• _What is needed_
Keeping every word the same, return the listing from its first line until the line holding "#198=IFCMATERIAL('Precast concrete C60/75',$,'concrete');" has been returned as well.

• _Given data_
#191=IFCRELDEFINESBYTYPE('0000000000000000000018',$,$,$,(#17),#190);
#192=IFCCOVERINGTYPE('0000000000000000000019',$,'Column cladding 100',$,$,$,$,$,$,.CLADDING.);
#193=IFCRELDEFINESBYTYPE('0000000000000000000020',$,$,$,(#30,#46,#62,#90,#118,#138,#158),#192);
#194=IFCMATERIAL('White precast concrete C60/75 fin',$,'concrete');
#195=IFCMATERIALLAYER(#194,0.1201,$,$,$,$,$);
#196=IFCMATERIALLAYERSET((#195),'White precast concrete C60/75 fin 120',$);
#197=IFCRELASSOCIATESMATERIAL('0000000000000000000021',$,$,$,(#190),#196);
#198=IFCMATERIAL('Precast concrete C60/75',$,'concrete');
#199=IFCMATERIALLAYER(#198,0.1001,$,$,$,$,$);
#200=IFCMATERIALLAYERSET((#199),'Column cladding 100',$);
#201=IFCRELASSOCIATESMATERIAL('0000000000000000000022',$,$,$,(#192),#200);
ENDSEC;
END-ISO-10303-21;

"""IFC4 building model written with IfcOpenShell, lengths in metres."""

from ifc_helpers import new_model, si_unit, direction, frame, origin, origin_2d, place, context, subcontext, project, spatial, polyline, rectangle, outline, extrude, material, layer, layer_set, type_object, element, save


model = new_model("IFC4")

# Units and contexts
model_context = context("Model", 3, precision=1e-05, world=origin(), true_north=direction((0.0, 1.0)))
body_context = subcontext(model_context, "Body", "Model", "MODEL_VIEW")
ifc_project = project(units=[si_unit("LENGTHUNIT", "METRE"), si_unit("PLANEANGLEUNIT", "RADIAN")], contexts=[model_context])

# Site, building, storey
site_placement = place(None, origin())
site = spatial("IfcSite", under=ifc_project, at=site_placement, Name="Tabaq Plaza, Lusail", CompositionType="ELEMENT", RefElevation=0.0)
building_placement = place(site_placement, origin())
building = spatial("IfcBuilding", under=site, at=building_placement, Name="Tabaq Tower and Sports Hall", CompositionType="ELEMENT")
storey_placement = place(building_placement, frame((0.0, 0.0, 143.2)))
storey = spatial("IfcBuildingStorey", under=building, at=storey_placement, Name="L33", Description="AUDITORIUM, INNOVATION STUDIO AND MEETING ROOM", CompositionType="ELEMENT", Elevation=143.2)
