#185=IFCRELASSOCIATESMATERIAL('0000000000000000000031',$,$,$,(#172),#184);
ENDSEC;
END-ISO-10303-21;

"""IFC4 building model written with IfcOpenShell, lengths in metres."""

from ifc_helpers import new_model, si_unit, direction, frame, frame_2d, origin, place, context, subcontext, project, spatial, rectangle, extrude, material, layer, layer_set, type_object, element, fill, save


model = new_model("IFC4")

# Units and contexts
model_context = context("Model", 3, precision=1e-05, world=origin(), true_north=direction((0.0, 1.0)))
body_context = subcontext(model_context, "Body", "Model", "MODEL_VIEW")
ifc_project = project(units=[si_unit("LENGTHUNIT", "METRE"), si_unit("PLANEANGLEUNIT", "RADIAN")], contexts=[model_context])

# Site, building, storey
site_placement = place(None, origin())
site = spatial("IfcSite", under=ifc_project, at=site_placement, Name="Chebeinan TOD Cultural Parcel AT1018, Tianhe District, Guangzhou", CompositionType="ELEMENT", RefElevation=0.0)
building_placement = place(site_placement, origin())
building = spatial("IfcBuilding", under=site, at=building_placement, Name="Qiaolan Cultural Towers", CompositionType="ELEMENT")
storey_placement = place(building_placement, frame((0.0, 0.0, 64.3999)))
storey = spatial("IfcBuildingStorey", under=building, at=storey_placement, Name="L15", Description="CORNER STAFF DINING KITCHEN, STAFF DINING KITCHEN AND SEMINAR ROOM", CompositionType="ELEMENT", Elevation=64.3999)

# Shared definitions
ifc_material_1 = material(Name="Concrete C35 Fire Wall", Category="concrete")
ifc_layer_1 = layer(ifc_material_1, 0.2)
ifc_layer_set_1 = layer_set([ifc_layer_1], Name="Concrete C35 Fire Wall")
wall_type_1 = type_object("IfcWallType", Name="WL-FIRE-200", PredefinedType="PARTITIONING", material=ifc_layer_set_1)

• _Written answer_
#191=IFCRELDEFINESBYTYPE('0000000000000000000018',$,$,$,(#17),#190);
#192=IFCCOVERINGTYPE('0000000000000000000019',$,'Column cladding 100',$,$,$,$,$,$,.CLADDING.);
#193=IFCRELDEFINESBYTYPE('0000000000000000000020',$,$,$,(#30,#46,#62,#90,#118,#138,#158),#192);
#194=IFCMATERIAL('White precast concrete C60/75 fin',$,'concrete');
#195=IFCMATERIALLAYER(#194,0.1201,$,$,$,$,$);
#196=IFCMATERIALLAYERSET((#195),'White precast concrete C60/75 fin 120',$);
#197=IFCRELASSOCIATESMATERIAL('0000000000000000000021',$,$,$,(#190),#196);
#198=IFCMATERIAL('Precast concrete C60/75',$,'concrete');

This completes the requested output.